**Exercise aim**
What is needed here is an exact repetition of the records below, beginning at the line that has "building model written" and stopping after the line that has "site_placement = place(None, origin())".

[Dataset records]
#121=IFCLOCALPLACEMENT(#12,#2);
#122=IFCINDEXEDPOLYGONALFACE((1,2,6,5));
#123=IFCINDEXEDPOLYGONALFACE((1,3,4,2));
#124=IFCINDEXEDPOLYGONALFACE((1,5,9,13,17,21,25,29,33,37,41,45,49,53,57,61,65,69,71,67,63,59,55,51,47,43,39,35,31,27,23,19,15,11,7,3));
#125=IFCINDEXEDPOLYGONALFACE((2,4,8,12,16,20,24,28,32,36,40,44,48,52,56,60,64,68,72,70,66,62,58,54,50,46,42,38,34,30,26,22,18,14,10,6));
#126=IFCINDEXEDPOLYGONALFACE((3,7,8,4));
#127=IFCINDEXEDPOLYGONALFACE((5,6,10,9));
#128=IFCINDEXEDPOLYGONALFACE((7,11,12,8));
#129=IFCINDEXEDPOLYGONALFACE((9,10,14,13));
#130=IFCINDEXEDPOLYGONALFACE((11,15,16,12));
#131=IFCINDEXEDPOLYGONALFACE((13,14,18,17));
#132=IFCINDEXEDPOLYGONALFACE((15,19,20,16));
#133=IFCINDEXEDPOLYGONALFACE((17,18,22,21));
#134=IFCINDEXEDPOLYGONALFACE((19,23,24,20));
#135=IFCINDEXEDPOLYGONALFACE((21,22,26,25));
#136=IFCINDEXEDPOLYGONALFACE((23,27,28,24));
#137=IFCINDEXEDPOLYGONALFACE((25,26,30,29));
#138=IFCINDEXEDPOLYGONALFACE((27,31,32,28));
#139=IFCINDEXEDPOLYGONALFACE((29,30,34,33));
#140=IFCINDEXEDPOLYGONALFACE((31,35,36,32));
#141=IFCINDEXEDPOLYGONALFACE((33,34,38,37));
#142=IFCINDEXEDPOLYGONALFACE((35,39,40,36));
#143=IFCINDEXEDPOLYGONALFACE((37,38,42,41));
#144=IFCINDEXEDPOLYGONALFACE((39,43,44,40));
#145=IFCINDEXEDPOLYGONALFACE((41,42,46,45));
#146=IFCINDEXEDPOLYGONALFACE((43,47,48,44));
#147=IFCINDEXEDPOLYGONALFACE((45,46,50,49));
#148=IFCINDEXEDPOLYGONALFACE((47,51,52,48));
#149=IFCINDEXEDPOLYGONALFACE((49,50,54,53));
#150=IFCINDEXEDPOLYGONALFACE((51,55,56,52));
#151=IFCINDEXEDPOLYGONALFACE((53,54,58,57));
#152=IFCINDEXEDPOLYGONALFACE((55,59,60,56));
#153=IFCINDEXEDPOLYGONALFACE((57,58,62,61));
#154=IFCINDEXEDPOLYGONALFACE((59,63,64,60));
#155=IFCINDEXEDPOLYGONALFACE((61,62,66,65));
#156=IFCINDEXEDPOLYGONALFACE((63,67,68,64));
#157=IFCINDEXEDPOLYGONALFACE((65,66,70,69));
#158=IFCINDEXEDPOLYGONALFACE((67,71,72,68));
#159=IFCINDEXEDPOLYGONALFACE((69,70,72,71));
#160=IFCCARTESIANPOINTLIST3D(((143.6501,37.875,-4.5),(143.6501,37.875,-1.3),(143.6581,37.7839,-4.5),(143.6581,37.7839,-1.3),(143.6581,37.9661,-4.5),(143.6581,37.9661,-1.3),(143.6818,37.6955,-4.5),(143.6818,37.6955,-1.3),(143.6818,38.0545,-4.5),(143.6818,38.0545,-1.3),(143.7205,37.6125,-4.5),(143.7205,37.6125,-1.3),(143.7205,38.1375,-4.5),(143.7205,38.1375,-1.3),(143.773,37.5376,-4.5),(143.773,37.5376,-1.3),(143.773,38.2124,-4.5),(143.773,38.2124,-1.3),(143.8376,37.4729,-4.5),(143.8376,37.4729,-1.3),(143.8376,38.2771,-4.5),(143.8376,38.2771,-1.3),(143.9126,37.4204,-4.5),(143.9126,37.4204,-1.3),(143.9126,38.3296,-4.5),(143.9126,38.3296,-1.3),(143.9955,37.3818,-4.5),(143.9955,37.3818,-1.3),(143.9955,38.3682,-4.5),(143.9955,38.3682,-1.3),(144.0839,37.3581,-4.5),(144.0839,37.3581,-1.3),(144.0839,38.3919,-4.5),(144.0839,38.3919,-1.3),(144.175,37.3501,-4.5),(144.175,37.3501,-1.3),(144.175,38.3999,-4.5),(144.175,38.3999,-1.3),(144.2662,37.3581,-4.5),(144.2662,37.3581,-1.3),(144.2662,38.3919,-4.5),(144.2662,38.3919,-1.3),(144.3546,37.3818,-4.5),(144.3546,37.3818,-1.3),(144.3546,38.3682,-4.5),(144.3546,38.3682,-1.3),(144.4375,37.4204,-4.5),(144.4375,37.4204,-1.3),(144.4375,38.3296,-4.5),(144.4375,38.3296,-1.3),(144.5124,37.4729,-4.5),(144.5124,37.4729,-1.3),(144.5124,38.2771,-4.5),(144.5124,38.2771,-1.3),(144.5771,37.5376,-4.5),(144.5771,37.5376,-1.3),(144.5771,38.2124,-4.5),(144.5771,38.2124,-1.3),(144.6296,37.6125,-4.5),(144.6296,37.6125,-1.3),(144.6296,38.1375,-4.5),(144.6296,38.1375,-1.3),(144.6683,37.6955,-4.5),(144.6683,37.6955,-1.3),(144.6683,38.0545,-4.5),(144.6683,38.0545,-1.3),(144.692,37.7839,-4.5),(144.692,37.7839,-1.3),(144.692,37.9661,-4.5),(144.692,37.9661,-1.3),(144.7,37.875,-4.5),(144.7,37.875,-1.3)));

---

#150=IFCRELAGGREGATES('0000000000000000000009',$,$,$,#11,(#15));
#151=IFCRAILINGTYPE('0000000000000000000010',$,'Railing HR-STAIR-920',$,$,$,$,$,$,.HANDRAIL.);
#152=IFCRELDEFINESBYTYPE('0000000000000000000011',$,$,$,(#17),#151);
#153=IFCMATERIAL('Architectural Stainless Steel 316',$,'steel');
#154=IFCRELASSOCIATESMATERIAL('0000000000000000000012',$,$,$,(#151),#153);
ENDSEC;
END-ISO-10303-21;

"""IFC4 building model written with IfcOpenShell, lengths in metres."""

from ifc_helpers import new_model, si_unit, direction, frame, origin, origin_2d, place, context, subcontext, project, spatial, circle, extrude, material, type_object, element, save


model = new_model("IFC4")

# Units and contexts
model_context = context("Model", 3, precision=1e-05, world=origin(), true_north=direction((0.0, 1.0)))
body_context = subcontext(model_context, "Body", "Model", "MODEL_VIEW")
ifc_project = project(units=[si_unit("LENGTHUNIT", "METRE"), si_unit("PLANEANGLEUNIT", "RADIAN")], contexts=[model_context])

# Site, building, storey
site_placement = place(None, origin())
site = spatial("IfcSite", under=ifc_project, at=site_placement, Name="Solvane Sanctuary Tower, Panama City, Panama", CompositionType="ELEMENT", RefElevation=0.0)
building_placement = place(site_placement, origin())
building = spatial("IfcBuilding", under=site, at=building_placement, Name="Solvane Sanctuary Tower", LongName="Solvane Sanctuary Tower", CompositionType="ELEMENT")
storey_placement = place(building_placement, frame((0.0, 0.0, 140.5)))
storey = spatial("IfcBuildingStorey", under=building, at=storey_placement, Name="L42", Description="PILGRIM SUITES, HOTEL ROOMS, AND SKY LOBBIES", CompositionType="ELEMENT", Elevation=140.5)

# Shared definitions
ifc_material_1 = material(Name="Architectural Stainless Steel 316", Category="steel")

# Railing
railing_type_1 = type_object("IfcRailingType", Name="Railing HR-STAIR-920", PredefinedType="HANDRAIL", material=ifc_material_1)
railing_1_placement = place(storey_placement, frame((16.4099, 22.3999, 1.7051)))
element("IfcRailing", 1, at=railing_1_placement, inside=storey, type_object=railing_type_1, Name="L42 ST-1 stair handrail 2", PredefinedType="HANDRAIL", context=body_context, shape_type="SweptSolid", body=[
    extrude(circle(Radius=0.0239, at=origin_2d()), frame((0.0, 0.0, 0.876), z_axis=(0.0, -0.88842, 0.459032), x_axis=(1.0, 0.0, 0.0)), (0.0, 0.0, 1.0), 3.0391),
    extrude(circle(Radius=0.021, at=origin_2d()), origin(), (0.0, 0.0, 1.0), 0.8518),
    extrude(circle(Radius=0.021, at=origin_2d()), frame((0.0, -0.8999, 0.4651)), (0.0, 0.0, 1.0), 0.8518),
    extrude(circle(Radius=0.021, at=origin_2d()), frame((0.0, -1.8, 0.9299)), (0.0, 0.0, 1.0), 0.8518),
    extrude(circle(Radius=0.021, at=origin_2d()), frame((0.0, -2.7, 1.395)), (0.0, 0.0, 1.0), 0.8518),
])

**Answer space**
"""IFC4 building model written with IfcOpenShell, lengths in metres."""

from ifc_helpers import new_model, si_unit, direction, frame, origin, origin_2d, place, context, subcontext, project, spatial, circle, extrude, material, type_object, element, save


model = new_model("IFC4")

# Units and contexts
model_context = context("Model", 3, precision=1e-05, world=origin(), true_north=direction((0.0, 1.0)))
body_context = subcontext(model_context, "Body", "Model", "MODEL_VIEW")
ifc_project = project(units=[si_unit("LENGTHUNIT", "METRE"), si_unit("PLANEANGLEUNIT", "RADIAN")], contexts=[model_context])

# Site, building, storey
site_placement = place(None, origin())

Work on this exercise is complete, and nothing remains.